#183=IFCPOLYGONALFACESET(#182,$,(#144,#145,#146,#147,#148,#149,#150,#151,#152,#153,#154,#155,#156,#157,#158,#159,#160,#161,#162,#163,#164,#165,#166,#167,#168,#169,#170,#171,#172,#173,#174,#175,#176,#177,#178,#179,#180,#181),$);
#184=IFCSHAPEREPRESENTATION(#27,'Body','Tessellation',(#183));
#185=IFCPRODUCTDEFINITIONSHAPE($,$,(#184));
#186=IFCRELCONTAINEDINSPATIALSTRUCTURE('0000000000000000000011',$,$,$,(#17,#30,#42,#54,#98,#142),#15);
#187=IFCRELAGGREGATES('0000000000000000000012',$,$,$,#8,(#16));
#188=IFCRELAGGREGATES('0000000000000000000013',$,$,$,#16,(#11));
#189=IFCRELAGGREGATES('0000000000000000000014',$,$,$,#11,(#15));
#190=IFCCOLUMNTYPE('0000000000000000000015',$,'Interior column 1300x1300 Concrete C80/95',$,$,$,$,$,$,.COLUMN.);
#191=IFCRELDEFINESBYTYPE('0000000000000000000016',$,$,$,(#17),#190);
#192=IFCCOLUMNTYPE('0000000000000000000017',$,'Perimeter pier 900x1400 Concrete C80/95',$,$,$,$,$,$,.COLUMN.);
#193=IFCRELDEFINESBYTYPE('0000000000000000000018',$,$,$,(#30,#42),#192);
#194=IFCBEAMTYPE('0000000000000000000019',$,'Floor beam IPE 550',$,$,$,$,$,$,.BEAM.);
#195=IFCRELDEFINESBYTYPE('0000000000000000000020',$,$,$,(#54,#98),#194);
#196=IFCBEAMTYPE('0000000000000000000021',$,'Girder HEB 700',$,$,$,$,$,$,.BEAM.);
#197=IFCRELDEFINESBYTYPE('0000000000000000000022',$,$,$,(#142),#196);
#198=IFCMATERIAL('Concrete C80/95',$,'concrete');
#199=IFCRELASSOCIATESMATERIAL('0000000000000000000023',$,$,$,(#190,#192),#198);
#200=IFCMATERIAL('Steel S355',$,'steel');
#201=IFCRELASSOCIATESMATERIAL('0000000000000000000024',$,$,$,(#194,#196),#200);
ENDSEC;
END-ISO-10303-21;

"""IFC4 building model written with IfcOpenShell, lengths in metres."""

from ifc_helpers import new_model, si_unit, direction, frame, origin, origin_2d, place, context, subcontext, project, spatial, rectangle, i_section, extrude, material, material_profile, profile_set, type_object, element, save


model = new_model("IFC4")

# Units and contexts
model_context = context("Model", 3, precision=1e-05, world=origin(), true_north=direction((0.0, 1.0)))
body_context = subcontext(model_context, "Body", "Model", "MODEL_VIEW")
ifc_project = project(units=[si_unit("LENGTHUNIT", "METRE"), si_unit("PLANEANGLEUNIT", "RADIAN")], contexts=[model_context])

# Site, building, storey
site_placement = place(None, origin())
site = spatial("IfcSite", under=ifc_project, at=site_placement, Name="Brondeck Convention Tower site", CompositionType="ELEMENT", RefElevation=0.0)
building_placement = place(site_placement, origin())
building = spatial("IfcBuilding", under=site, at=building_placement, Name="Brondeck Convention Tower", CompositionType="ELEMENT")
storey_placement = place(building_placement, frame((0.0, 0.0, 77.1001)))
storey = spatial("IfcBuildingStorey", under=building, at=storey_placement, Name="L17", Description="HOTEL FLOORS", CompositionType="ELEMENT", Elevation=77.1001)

* * *

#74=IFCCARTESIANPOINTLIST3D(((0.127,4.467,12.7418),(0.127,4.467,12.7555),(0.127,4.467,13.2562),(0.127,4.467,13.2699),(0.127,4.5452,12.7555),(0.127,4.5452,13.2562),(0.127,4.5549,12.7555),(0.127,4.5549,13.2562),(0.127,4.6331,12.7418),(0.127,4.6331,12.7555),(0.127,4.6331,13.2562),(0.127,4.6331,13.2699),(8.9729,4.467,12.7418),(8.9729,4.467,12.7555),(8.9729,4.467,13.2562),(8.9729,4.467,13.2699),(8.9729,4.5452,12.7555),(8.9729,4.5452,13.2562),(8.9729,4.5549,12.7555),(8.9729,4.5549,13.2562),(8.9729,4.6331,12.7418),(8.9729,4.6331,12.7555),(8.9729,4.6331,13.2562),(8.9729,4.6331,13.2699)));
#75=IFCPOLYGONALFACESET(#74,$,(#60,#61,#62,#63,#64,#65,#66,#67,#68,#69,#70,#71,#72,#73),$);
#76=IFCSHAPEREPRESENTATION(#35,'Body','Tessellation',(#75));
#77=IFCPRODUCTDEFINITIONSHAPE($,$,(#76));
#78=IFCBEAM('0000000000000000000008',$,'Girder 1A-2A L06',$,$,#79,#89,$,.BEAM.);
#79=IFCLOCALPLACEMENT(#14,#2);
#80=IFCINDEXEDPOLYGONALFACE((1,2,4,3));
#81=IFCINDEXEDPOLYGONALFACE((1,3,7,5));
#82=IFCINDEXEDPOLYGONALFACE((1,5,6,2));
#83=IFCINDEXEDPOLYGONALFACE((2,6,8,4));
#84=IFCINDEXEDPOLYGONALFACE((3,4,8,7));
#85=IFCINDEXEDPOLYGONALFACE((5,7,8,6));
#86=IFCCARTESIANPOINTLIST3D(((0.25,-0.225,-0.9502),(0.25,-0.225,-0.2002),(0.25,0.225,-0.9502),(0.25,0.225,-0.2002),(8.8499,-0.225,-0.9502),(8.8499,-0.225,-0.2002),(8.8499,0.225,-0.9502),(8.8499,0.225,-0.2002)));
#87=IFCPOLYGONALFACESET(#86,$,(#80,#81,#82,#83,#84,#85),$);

### Your goal
Find where the line with "#85=IFCINDEXEDPOLYGONALFACE((5,7,8,6));" sits in the material above, then copy exactly from it through the line with "#87=IFCPOLYGONALFACESET(#86,$,(#80,#81,#82,#83,#84,#85),$);". Add no other line.

### Task response
#85=IFCINDEXEDPOLYGONALFACE((5,7,8,6));
#86=IFCCARTESIANPOINTLIST3D(((0.25,-0.225,-0.9502),(0.25,-0.225,-0.2002),(0.25,0.225,-0.9502),(0.25,0.225,-0.2002),(8.8499,-0.225,-0.9502),(8.8499,-0.225,-0.2002),(8.8499,0.225,-0.9502),(8.8499,0.225,-0.2002)));
#87=IFCPOLYGONALFACESET(#86,$,(#80,#81,#82,#83,#84,#85),$);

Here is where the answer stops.